## TO DO
Within the listing below, the lines to output run from the one containing "#92=IFCINDEXEDPOLYGONALFACE((20,62,65,23));" through the one containing "#102=IFCINDEXEDPOLYGONALFACE((30,72,76,34));"; copy them exactly and nothing else.
--- START ---
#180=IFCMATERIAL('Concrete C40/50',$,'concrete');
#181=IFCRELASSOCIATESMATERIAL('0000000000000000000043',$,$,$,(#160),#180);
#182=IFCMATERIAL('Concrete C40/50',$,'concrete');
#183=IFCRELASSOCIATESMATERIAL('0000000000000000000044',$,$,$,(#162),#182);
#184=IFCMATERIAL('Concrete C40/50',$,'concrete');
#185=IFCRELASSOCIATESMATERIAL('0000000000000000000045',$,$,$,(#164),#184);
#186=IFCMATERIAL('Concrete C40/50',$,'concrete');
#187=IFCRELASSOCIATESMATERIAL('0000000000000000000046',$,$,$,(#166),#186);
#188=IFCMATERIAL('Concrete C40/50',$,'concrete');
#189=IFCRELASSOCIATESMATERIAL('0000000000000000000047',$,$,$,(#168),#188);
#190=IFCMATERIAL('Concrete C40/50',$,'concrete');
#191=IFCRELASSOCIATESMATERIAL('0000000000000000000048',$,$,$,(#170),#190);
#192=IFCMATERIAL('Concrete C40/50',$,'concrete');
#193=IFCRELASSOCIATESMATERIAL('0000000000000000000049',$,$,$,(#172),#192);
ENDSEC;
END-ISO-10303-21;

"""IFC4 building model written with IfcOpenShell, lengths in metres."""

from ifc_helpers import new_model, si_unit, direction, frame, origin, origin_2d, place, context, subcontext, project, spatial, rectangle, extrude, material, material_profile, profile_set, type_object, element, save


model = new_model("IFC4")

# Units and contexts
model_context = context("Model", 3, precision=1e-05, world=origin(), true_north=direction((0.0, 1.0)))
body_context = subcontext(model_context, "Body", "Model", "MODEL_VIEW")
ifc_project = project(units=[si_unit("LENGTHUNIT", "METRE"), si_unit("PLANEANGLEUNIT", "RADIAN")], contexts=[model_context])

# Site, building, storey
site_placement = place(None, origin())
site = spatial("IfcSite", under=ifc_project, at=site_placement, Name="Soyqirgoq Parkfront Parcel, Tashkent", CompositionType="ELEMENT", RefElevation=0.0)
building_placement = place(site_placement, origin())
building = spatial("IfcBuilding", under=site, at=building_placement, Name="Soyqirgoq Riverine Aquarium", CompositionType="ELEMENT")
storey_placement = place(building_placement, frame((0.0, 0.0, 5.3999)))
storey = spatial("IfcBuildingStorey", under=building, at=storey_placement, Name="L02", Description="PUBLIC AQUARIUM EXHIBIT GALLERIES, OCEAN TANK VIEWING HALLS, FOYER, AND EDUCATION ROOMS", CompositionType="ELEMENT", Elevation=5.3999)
--- END ---
--- START ---
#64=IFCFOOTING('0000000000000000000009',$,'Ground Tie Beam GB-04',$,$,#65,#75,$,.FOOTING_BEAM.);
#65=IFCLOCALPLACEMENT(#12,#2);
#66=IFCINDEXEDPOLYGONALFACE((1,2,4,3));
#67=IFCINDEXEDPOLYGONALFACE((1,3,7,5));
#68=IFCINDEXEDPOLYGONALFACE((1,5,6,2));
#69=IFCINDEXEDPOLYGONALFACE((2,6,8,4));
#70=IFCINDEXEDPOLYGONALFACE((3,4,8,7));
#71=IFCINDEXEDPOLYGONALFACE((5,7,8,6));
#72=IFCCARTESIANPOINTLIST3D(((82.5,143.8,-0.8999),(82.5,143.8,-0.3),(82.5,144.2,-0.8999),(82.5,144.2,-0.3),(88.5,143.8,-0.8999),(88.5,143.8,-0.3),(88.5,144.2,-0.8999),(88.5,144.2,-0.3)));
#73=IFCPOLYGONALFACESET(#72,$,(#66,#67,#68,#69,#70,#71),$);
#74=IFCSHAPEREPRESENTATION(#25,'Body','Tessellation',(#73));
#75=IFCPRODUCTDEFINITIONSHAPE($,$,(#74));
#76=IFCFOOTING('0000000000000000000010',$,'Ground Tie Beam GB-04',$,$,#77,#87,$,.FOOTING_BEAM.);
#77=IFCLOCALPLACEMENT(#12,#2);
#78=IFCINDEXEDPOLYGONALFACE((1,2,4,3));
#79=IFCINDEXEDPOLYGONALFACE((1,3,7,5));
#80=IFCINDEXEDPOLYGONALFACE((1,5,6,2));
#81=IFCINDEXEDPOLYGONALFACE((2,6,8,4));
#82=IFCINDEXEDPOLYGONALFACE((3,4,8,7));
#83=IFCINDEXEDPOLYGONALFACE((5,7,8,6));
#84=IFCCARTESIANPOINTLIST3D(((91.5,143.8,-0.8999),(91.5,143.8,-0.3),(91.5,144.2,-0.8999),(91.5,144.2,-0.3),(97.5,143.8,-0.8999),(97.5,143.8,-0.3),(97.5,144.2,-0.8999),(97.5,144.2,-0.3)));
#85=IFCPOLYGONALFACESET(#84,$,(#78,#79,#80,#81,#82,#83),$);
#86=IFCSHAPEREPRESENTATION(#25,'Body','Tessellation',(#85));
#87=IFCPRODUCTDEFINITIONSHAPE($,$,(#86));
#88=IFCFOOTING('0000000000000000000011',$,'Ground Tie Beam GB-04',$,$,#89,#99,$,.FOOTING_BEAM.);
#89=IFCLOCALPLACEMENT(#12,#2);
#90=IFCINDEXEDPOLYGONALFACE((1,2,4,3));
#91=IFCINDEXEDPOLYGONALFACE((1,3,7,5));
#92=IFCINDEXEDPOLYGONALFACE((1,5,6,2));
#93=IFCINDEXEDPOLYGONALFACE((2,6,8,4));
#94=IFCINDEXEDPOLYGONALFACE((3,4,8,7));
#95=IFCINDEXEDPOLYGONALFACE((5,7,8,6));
--- END ---
--- START ---
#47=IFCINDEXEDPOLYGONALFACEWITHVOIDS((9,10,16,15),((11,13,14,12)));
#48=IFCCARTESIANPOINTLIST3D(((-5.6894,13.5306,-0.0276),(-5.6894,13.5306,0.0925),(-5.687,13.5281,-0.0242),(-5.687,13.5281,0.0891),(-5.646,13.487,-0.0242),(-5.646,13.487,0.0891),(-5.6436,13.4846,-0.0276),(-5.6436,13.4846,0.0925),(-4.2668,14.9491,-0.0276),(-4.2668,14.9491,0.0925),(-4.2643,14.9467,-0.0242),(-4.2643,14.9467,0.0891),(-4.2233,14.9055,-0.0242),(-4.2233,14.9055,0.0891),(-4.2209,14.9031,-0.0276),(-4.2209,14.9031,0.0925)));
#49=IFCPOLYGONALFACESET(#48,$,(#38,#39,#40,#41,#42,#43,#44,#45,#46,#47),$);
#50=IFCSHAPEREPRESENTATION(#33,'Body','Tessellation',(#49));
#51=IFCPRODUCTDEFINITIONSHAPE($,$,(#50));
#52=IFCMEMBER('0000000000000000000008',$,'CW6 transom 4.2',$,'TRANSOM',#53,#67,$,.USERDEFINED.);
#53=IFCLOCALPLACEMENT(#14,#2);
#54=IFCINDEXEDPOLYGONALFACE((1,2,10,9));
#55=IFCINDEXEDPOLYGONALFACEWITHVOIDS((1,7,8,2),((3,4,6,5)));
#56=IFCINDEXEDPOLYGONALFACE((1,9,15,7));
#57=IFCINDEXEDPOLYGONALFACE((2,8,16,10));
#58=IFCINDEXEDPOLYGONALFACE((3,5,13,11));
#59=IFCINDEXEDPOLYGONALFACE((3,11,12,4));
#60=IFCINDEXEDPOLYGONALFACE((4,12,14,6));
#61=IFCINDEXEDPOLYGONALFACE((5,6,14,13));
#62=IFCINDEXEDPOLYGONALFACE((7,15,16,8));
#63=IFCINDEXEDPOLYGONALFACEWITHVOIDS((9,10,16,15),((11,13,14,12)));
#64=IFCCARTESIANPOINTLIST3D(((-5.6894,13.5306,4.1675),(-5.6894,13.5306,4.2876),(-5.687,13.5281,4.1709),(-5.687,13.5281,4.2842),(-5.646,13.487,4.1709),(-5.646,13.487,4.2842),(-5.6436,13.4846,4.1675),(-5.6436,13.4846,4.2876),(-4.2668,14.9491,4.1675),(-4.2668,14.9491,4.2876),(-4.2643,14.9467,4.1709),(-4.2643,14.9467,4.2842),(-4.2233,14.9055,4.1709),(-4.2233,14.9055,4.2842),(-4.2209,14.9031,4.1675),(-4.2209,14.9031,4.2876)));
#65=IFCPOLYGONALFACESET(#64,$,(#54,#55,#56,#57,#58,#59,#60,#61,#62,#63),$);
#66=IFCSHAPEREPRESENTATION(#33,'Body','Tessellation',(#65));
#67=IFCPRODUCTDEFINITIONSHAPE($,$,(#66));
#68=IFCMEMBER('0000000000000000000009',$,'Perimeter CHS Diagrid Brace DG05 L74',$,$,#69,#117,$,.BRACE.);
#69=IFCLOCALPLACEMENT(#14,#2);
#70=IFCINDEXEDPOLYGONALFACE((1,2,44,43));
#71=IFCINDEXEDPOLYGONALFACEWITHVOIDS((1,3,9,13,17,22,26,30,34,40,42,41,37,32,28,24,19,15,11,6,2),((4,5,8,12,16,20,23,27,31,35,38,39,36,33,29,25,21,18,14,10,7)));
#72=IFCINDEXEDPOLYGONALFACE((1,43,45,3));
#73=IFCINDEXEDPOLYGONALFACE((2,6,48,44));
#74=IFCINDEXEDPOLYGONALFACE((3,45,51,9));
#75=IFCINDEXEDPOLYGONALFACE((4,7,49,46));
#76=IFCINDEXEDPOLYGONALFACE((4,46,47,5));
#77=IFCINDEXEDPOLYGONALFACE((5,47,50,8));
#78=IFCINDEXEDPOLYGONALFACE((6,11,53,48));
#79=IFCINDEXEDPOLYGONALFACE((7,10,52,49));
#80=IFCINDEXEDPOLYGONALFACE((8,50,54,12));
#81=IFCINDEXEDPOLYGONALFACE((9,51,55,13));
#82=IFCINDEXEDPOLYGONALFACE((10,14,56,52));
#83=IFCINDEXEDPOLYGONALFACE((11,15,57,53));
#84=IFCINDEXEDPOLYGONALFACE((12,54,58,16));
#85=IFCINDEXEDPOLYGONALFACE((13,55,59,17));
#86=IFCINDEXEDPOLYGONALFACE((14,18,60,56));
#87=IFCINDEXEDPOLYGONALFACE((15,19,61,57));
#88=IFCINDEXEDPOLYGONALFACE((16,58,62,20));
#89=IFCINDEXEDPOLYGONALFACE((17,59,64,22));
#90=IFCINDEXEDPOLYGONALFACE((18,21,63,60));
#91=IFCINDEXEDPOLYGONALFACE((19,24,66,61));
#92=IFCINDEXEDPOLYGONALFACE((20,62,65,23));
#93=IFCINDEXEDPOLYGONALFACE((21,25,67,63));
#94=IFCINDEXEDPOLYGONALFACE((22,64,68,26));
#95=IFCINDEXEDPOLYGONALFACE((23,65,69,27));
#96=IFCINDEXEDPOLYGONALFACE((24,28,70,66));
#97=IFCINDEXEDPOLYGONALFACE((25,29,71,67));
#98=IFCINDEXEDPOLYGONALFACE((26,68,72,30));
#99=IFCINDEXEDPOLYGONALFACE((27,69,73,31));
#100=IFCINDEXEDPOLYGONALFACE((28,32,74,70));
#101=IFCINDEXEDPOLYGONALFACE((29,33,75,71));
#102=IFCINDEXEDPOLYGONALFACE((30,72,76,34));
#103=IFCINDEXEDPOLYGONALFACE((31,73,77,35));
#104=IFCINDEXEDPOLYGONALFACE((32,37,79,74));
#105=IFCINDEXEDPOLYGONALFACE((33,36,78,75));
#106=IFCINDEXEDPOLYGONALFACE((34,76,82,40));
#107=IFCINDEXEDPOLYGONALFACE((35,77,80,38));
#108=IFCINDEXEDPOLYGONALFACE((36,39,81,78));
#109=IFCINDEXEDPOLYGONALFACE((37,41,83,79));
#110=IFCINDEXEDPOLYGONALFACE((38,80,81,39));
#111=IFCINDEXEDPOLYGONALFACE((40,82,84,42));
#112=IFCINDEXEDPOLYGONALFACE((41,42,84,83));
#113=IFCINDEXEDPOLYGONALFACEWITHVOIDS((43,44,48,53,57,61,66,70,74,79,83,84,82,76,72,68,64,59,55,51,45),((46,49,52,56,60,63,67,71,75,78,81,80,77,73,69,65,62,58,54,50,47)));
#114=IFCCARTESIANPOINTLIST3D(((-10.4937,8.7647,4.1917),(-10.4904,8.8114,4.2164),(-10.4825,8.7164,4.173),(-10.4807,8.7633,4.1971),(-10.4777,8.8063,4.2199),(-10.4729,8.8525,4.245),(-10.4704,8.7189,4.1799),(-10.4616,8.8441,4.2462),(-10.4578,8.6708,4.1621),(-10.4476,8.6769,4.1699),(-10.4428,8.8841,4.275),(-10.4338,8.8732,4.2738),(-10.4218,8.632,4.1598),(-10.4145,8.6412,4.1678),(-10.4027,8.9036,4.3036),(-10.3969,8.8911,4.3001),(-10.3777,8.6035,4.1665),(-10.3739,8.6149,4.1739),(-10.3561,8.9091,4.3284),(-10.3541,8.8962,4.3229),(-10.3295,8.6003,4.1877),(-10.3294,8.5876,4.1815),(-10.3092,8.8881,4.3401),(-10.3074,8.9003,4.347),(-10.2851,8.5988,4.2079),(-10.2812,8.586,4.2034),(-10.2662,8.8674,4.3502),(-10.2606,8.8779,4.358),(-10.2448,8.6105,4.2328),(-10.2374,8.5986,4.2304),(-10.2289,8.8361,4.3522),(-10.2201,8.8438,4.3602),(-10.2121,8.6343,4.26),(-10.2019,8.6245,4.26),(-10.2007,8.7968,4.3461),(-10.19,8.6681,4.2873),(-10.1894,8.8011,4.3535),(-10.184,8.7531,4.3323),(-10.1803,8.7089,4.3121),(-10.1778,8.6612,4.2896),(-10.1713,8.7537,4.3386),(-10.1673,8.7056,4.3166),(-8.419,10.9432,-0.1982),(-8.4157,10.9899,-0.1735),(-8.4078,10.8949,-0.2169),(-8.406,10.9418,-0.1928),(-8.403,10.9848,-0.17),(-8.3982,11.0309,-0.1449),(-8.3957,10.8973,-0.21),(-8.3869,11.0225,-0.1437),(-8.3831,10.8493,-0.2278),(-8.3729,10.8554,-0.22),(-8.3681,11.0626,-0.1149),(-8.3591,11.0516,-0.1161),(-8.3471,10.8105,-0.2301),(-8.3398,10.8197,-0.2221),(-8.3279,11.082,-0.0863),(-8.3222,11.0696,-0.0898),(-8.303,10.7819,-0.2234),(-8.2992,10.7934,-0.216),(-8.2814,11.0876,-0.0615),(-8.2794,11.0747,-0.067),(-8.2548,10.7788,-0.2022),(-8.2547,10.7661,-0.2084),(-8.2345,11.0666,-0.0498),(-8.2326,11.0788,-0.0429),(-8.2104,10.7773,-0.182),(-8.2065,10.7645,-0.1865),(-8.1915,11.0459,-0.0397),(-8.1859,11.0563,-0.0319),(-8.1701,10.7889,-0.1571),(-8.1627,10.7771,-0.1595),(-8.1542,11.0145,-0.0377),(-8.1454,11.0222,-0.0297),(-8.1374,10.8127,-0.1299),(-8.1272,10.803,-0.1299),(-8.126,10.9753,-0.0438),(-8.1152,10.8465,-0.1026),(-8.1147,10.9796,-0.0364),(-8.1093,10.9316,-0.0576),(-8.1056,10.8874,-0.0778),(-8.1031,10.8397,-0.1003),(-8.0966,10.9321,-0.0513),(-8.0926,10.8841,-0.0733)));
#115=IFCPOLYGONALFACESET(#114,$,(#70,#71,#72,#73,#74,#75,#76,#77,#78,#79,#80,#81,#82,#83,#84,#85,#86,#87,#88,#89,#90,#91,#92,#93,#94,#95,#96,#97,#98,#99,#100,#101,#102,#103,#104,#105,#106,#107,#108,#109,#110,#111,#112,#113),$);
--- END ---
## SOLVED EXERCISE
#92=IFCINDEXEDPOLYGONALFACE((20,62,65,23));
#93=IFCINDEXEDPOLYGONALFACE((21,25,67,63));
#94=IFCINDEXEDPOLYGONALFACE((22,64,68,26));
#95=IFCINDEXEDPOLYGONALFACE((23,65,69,27));
#96=IFCINDEXEDPOLYGONALFACE((24,28,70,66));
#97=IFCINDEXEDPOLYGONALFACE((25,29,71,67));
#98=IFCINDEXEDPOLYGONALFACE((26,68,72,30));
#99=IFCINDEXEDPOLYGONALFACE((27,69,73,31));
#100=IFCINDEXEDPOLYGONALFACE((28,32,74,70));
#101=IFCINDEXEDPOLYGONALFACE((29,33,75,71));
#102=IFCINDEXEDPOLYGONALFACE((30,72,76,34));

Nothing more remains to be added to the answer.